ASSIGNMENT: Copy nothing from the entries below except the lines from the one containing "#4=IFCGEOMETRICREPRESENTATIONCONTEXT($,'Model',3,1.E-05,#2,#3);" through the one containing "#23=IFCINDEXEDPOLYGONALFACE((1,32,33,2));", and copy those exactly.

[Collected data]
------------------------------------------------------------------------

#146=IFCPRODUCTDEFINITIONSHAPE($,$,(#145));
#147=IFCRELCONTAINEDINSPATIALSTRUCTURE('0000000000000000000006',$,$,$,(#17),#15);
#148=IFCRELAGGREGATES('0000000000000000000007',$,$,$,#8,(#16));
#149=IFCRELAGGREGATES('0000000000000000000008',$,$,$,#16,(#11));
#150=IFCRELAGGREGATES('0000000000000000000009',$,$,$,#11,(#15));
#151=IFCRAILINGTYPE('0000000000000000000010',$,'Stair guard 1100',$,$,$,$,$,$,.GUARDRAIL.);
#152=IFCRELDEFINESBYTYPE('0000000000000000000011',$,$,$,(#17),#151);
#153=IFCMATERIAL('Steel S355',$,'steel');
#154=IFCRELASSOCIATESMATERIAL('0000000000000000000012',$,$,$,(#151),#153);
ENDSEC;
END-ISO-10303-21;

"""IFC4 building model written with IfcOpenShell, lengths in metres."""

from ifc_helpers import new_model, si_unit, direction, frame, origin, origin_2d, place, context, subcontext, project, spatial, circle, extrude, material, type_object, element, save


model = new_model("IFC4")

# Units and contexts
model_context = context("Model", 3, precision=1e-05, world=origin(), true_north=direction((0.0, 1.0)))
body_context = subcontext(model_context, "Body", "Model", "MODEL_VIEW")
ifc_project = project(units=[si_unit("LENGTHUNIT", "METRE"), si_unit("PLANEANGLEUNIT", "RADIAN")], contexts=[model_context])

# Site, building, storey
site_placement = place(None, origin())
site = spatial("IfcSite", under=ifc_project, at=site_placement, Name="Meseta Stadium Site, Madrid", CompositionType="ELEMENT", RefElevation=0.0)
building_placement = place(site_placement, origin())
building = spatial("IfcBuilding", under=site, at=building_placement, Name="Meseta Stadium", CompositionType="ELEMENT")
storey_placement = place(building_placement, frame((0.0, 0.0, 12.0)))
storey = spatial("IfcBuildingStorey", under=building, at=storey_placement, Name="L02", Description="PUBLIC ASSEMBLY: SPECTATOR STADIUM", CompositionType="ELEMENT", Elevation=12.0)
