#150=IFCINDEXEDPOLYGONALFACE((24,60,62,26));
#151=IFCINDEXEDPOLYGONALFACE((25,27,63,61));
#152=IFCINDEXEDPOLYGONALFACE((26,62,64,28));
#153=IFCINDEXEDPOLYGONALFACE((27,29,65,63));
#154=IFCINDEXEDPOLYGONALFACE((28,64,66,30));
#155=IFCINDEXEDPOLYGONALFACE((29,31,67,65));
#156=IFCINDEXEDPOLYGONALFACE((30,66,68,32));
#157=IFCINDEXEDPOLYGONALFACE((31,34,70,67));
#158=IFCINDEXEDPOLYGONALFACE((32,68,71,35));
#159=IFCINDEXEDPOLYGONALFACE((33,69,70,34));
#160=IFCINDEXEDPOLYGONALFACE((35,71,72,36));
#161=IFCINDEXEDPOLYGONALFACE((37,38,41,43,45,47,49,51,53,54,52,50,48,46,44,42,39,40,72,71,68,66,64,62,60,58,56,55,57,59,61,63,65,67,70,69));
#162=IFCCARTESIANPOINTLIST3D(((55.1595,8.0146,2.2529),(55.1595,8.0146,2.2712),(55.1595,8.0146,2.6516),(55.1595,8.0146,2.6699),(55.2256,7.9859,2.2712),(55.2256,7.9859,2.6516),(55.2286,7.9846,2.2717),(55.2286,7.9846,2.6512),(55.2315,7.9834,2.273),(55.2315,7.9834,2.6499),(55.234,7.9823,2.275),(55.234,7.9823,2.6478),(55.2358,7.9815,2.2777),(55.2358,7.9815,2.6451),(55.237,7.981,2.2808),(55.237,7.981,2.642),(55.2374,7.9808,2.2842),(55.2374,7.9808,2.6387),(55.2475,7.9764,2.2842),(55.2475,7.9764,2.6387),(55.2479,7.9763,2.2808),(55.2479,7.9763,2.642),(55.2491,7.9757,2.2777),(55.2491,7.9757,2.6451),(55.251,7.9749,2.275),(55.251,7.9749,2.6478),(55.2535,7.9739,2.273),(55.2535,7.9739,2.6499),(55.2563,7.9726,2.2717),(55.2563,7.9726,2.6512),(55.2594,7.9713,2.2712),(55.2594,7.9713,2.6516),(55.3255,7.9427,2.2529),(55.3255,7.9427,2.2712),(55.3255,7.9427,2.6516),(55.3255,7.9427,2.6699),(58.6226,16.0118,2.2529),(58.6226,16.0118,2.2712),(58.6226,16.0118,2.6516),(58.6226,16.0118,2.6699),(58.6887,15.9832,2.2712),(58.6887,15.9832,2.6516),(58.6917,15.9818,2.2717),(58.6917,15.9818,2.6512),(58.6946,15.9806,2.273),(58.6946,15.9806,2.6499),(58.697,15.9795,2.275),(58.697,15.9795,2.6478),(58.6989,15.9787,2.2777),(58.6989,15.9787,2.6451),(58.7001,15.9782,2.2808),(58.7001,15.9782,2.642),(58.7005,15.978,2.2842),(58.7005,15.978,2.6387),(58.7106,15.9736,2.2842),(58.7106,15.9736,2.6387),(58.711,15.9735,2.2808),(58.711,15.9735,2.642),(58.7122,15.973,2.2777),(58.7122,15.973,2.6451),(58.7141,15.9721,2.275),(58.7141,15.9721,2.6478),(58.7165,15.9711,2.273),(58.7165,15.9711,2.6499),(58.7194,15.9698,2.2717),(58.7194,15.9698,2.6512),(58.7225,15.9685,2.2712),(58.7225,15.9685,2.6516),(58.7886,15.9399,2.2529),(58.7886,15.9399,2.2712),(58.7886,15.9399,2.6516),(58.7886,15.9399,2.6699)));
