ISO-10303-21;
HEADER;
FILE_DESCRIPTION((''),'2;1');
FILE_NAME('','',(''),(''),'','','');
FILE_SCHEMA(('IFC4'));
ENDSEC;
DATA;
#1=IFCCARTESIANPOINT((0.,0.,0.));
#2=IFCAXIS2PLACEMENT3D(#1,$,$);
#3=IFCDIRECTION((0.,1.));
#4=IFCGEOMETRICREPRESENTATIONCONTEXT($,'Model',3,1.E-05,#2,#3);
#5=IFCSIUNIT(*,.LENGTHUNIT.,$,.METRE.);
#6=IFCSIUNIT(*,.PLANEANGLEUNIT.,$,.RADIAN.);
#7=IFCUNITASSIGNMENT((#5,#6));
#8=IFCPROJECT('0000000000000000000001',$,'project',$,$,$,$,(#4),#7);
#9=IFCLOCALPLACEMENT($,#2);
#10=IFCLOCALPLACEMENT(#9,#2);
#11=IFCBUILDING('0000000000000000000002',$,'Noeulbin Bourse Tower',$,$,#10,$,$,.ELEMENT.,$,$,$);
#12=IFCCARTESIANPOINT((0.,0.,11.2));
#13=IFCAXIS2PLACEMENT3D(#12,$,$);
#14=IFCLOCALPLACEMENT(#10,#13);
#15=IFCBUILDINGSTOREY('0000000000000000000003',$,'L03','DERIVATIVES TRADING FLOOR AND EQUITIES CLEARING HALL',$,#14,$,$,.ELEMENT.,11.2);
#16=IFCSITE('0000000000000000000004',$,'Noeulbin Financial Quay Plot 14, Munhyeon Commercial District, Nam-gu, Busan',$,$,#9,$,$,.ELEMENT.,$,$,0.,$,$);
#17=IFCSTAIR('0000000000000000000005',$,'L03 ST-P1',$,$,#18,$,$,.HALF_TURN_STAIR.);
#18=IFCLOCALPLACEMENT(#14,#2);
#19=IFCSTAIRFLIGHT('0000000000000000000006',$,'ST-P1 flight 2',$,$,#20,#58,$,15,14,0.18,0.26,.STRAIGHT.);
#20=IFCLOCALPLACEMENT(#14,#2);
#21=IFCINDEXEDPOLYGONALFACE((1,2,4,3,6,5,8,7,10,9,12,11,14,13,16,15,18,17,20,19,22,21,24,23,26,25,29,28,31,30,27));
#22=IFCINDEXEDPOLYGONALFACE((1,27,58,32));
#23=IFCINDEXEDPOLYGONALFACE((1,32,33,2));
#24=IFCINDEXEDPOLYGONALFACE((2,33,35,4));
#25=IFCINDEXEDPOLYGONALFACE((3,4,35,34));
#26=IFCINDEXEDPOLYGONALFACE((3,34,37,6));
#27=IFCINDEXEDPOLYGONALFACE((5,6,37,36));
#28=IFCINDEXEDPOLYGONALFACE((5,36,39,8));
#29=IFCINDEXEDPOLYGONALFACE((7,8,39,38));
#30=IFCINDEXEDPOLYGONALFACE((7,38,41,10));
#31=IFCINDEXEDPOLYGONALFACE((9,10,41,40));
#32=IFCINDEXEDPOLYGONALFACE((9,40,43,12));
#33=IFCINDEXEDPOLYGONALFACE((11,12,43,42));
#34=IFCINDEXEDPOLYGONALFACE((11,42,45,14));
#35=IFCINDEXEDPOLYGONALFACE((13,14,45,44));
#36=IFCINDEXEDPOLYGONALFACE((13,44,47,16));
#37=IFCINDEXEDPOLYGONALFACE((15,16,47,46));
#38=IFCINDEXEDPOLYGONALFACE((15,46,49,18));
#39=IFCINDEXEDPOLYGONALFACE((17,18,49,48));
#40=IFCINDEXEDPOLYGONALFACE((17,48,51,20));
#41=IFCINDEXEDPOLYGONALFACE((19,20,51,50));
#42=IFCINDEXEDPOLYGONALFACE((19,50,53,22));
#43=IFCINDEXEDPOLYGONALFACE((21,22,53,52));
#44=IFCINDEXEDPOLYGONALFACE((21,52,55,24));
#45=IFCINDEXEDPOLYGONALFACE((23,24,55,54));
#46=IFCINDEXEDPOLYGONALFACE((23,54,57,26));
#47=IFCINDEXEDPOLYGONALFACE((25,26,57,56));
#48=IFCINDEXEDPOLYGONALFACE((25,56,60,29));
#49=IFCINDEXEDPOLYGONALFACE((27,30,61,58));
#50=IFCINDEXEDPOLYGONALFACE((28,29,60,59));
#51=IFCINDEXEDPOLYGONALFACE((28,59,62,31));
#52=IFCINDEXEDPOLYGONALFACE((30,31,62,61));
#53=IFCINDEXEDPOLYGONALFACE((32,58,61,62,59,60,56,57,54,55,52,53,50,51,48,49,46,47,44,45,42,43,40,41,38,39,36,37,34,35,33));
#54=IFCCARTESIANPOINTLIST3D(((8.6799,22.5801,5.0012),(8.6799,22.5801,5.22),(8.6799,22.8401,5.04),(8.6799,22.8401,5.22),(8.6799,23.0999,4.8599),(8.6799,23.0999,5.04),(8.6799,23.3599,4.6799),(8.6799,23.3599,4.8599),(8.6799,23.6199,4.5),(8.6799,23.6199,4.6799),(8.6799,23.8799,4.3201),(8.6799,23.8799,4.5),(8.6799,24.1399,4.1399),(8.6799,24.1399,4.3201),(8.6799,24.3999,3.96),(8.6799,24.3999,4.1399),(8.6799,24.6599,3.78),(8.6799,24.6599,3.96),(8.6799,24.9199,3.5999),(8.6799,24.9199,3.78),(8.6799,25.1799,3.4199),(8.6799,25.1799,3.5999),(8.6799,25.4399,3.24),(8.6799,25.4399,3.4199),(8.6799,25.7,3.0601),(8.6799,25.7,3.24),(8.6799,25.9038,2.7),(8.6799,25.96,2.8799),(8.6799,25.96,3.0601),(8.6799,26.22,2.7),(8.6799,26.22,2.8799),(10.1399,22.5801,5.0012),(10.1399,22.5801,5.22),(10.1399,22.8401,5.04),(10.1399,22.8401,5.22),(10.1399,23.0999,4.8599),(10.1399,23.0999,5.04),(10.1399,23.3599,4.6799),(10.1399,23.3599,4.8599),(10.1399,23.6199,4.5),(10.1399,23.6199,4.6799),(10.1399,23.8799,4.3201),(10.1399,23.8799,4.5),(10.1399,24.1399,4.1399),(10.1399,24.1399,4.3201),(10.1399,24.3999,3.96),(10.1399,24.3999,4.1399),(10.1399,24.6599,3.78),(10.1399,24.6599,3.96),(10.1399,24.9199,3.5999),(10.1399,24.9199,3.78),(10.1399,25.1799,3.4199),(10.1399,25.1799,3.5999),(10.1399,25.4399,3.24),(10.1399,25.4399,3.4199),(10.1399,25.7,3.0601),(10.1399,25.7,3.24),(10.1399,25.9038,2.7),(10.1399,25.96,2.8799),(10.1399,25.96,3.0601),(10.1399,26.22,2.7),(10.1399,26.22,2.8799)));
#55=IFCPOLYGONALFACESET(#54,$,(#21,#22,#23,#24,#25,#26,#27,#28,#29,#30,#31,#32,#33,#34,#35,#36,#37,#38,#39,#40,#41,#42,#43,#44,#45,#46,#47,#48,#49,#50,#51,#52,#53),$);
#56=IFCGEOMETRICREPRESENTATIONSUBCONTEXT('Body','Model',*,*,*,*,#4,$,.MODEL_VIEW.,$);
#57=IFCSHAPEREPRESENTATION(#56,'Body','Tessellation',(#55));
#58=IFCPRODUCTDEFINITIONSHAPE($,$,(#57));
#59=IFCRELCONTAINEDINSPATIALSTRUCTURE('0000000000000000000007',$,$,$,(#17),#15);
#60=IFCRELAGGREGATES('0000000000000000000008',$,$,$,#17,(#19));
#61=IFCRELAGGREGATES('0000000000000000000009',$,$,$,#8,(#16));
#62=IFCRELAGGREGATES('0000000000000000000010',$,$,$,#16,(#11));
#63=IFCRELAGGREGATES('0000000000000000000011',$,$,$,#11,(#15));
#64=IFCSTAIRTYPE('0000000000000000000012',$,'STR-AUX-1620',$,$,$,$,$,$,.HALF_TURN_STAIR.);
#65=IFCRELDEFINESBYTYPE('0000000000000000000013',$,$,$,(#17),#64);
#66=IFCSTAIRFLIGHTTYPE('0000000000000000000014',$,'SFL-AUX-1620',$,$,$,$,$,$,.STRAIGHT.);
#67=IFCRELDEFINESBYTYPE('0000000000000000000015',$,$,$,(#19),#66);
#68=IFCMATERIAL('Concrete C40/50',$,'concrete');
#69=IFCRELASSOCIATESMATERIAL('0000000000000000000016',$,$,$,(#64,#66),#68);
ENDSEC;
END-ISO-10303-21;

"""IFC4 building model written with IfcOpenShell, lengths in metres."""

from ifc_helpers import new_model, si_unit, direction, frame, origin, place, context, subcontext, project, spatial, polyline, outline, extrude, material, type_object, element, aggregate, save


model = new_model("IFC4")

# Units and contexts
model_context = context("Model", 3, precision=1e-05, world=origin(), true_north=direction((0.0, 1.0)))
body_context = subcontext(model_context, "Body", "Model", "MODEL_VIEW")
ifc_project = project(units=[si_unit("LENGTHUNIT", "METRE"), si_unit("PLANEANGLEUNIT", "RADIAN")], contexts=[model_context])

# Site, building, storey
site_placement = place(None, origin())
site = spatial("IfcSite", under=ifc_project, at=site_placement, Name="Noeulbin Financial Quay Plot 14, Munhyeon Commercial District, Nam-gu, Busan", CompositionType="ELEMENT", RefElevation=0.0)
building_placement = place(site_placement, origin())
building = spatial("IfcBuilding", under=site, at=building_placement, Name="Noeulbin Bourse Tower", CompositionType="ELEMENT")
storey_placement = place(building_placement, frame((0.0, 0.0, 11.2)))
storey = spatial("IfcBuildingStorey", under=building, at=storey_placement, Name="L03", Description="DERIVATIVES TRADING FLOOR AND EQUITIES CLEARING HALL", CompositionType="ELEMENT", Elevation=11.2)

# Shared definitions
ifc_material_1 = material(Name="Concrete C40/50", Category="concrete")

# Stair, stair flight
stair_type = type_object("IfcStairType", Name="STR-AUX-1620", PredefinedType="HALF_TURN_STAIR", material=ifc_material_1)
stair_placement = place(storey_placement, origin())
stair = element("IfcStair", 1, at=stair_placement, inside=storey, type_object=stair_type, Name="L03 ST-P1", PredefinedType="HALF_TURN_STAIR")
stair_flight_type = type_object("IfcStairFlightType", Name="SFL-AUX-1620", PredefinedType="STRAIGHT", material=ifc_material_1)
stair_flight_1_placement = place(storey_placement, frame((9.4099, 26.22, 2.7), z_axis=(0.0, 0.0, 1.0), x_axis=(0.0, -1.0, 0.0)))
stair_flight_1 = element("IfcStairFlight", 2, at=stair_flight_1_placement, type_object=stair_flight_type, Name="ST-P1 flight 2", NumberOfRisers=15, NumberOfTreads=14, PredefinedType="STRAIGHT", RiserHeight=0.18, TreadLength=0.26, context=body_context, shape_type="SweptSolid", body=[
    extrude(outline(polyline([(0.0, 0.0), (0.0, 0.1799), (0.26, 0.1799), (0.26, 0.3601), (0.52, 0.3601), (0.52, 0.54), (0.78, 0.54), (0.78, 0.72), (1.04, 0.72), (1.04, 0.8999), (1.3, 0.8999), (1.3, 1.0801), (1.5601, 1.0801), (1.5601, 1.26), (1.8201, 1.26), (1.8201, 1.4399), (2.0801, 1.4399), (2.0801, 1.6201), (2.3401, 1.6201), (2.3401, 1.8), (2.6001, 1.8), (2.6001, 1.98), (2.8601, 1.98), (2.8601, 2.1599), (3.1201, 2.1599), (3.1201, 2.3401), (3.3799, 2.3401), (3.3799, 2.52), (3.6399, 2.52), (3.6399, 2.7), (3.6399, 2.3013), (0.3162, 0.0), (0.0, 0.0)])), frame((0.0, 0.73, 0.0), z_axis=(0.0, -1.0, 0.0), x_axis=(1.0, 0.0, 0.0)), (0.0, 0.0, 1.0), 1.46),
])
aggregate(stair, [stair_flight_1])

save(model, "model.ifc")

------------------------------------------------------------------------

RESPONSE BELOW:
#4=IFCGEOMETRICREPRESENTATIONCONTEXT($,'Model',3,1.E-05,#2,#3);
#5=IFCSIUNIT(*,.LENGTHUNIT.,$,.METRE.);
#6=IFCSIUNIT(*,.PLANEANGLEUNIT.,$,.RADIAN.);
#7=IFCUNITASSIGNMENT((#5,#6));
#8=IFCPROJECT('0000000000000000000001',$,'project',$,$,$,$,(#4),#7);
#9=IFCLOCALPLACEMENT($,#2);
#10=IFCLOCALPLACEMENT(#9,#2);
#11=IFCBUILDING('0000000000000000000002',$,'Noeulbin Bourse Tower',$,$,#10,$,$,.ELEMENT.,$,$,$);
#12=IFCCARTESIANPOINT((0.,0.,11.2));
#13=IFCAXIS2PLACEMENT3D(#12,$,$);
#14=IFCLOCALPLACEMENT(#10,#13);
#15=IFCBUILDINGSTOREY('0000000000000000000003',$,'L03','DERIVATIVES TRADING FLOOR AND EQUITIES CLEARING HALL',$,#14,$,$,.ELEMENT.,11.2);
#16=IFCSITE('0000000000000000000004',$,'Noeulbin Financial Quay Plot 14, Munhyeon Commercial District, Nam-gu, Busan',$,$,#9,$,$,.ELEMENT.,$,$,0.,$,$);
#17=IFCSTAIR('0000000000000000000005',$,'L03 ST-P1',$,$,#18,$,$,.HALF_TURN_STAIR.);
#18=IFCLOCALPLACEMENT(#14,#2);
#19=IFCSTAIRFLIGHT('0000000000000000000006',$,'ST-P1 flight 2',$,$,#20,#58,$,15,14,0.18,0.26,.STRAIGHT.);
#20=IFCLOCALPLACEMENT(#14,#2);
#21=IFCINDEXEDPOLYGONALFACE((1,2,4,3,6,5,8,7,10,9,12,11,14,13,16,15,18,17,20,19,22,21,24,23,26,25,29,28,31,30,27));
#22=IFCINDEXEDPOLYGONALFACE((1,27,58,32));
#23=IFCINDEXEDPOLYGONALFACE((1,32,33,2));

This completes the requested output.